Entries provided: Begin
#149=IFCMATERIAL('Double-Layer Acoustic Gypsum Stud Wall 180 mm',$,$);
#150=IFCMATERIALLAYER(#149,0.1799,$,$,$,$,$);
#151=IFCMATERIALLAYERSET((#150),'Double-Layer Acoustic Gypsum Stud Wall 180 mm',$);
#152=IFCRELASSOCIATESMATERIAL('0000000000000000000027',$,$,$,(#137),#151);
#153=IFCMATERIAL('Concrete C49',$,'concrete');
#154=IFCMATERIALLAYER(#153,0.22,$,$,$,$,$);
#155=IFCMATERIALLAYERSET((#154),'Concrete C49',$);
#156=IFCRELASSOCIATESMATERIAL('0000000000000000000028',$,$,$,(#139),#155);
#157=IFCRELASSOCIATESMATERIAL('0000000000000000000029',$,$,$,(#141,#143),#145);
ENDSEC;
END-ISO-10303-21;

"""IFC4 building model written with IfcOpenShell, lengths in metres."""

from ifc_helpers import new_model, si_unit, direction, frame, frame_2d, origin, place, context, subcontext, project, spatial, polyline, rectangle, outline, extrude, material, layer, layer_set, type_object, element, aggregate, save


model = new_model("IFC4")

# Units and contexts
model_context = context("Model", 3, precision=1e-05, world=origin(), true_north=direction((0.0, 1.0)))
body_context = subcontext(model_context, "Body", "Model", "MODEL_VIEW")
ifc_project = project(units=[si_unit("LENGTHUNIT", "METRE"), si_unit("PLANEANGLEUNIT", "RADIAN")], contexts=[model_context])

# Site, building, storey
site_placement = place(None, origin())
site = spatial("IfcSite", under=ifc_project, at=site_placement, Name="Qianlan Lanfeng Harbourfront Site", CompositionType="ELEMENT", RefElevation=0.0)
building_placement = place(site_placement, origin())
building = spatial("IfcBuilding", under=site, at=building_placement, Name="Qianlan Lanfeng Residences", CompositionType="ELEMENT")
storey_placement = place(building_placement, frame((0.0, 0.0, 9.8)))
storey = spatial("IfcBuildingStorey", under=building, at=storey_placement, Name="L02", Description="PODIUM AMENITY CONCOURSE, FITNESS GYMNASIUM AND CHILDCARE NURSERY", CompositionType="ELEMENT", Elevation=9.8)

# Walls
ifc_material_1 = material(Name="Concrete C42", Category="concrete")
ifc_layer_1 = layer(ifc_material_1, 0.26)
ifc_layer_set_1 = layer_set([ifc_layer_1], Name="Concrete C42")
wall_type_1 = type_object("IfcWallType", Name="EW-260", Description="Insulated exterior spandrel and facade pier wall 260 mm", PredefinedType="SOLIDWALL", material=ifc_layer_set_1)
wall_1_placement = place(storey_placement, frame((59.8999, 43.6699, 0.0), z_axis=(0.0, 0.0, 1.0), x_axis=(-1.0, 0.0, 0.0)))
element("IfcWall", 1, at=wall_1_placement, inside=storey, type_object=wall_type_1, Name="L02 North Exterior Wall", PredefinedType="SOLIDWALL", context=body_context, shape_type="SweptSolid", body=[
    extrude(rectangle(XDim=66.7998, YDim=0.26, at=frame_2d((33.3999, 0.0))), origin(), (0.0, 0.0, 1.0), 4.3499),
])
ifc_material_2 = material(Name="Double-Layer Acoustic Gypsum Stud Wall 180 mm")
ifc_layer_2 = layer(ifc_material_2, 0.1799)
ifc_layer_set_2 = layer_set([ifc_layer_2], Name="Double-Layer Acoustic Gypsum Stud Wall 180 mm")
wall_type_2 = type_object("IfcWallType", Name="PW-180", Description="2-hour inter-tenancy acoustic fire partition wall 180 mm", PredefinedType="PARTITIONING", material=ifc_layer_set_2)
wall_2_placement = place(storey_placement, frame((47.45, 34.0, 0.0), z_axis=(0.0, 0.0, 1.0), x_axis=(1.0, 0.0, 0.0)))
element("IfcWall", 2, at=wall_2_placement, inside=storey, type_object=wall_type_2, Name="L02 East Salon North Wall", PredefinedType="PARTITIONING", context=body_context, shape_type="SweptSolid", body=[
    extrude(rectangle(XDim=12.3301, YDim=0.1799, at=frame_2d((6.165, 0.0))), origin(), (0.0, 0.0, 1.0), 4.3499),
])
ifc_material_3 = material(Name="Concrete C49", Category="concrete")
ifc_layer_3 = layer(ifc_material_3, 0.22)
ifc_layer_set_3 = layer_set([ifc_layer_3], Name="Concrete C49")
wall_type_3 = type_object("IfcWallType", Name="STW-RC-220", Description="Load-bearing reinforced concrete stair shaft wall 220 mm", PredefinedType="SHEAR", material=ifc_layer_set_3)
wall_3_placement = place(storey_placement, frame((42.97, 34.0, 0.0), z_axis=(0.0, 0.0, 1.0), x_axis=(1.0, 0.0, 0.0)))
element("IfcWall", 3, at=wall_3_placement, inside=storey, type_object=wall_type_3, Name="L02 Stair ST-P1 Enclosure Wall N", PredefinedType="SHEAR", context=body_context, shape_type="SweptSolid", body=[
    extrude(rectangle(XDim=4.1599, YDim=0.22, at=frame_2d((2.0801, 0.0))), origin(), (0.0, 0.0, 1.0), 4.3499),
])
Entries provided: End
### Required action:
What is needed is an exact repetition of all the entries above.

### Expected answer:
#149=IFCMATERIAL('Double-Layer Acoustic Gypsum Stud Wall 180 mm',$,$);
#150=IFCMATERIALLAYER(#149,0.1799,$,$,$,$,$);
#151=IFCMATERIALLAYERSET((#150),'Double-Layer Acoustic Gypsum Stud Wall 180 mm',$);
#152=IFCRELASSOCIATESMATERIAL('0000000000000000000027',$,$,$,(#137),#151);
#153=IFCMATERIAL('Concrete C49',$,'concrete');
#154=IFCMATERIALLAYER(#153,0.22,$,$,$,$,$);
#155=IFCMATERIALLAYERSET((#154),'Concrete C49',$);
#156=IFCRELASSOCIATESMATERIAL('0000000000000000000028',$,$,$,(#139),#155);
#157=IFCRELASSOCIATESMATERIAL('0000000000000000000029',$,$,$,(#141,#143),#145);
ENDSEC;
END-ISO-10303-21;

"""IFC4 building model written with IfcOpenShell, lengths in metres."""

from ifc_helpers import new_model, si_unit, direction, frame, frame_2d, origin, place, context, subcontext, project, spatial, polyline, rectangle, outline, extrude, material, layer, layer_set, type_object, element, aggregate, save


model = new_model("IFC4")

# Units and contexts
model_context = context("Model", 3, precision=1e-05, world=origin(), true_north=direction((0.0, 1.0)))
body_context = subcontext(model_context, "Body", "Model", "MODEL_VIEW")
ifc_project = project(units=[si_unit("LENGTHUNIT", "METRE"), si_unit("PLANEANGLEUNIT", "RADIAN")], contexts=[model_context])

# Site, building, storey
site_placement = place(None, origin())
site = spatial("IfcSite", under=ifc_project, at=site_placement, Name="Qianlan Lanfeng Harbourfront Site", CompositionType="ELEMENT", RefElevation=0.0)
building_placement = place(site_placement, origin())
building = spatial("IfcBuilding", under=site, at=building_placement, Name="Qianlan Lanfeng Residences", CompositionType="ELEMENT")
storey_placement = place(building_placement, frame((0.0, 0.0, 9.8)))
storey = spatial("IfcBuildingStorey", under=building, at=storey_placement, Name="L02", Description="PODIUM AMENITY CONCOURSE, FITNESS GYMNASIUM AND CHILDCARE NURSERY", CompositionType="ELEMENT", Elevation=9.8)

# Walls
ifc_material_1 = material(Name="Concrete C42", Category="concrete")
ifc_layer_1 = layer(ifc_material_1, 0.26)
ifc_layer_set_1 = layer_set([ifc_layer_1], Name="Concrete C42")
wall_type_1 = type_object("IfcWallType", Name="EW-260", Description="Insulated exterior spandrel and facade pier wall 260 mm", PredefinedType="SOLIDWALL", material=ifc_layer_set_1)
wall_1_placement = place(storey_placement, frame((59.8999, 43.6699, 0.0), z_axis=(0.0, 0.0, 1.0), x_axis=(-1.0, 0.0, 0.0)))
element("IfcWall", 1, at=wall_1_placement, inside=storey, type_object=wall_type_1, Name="L02 North Exterior Wall", PredefinedType="SOLIDWALL", context=body_context, shape_type="SweptSolid", body=[
    extrude(rectangle(XDim=66.7998, YDim=0.26, at=frame_2d((33.3999, 0.0))), origin(), (0.0, 0.0, 1.0), 4.3499),
])
ifc_material_2 = material(Name="Double-Layer Acoustic Gypsum Stud Wall 180 mm")
ifc_layer_2 = layer(ifc_material_2, 0.1799)
ifc_layer_set_2 = layer_set([ifc_layer_2], Name="Double-Layer Acoustic Gypsum Stud Wall 180 mm")
wall_type_2 = type_object("IfcWallType", Name="PW-180", Description="2-hour inter-tenancy acoustic fire partition wall 180 mm", PredefinedType="PARTITIONING", material=ifc_layer_set_2)
wall_2_placement = place(storey_placement, frame((47.45, 34.0, 0.0), z_axis=(0.0, 0.0, 1.0), x_axis=(1.0, 0.0, 0.0)))
element("IfcWall", 2, at=wall_2_placement, inside=storey, type_object=wall_type_2, Name="L02 East Salon North Wall", PredefinedType="PARTITIONING", context=body_context, shape_type="SweptSolid", body=[
    extrude(rectangle(XDim=12.3301, YDim=0.1799, at=frame_2d((6.165, 0.0))), origin(), (0.0, 0.0, 1.0), 4.3499),
])
ifc_material_3 = material(Name="Concrete C49", Category="concrete")
ifc_layer_3 = layer(ifc_material_3, 0.22)
ifc_layer_set_3 = layer_set([ifc_layer_3], Name="Concrete C49")
wall_type_3 = type_object("IfcWallType", Name="STW-RC-220", Description="Load-bearing reinforced concrete stair shaft wall 220 mm", PredefinedType="SHEAR", material=ifc_layer_set_3)
wall_3_placement = place(storey_placement, frame((42.97, 34.0, 0.0), z_axis=(0.0, 0.0, 1.0), x_axis=(1.0, 0.0, 0.0)))
element("IfcWall", 3, at=wall_3_placement, inside=storey, type_object=wall_type_3, Name="L02 Stair ST-P1 Enclosure Wall N", PredefinedType="SHEAR", context=body_context, shape_type="SweptSolid", body=[
    extrude(rectangle(XDim=4.1599, YDim=0.22, at=frame_2d((2.0801, 0.0))), origin(), (0.0, 0.0, 1.0), 4.3499),
])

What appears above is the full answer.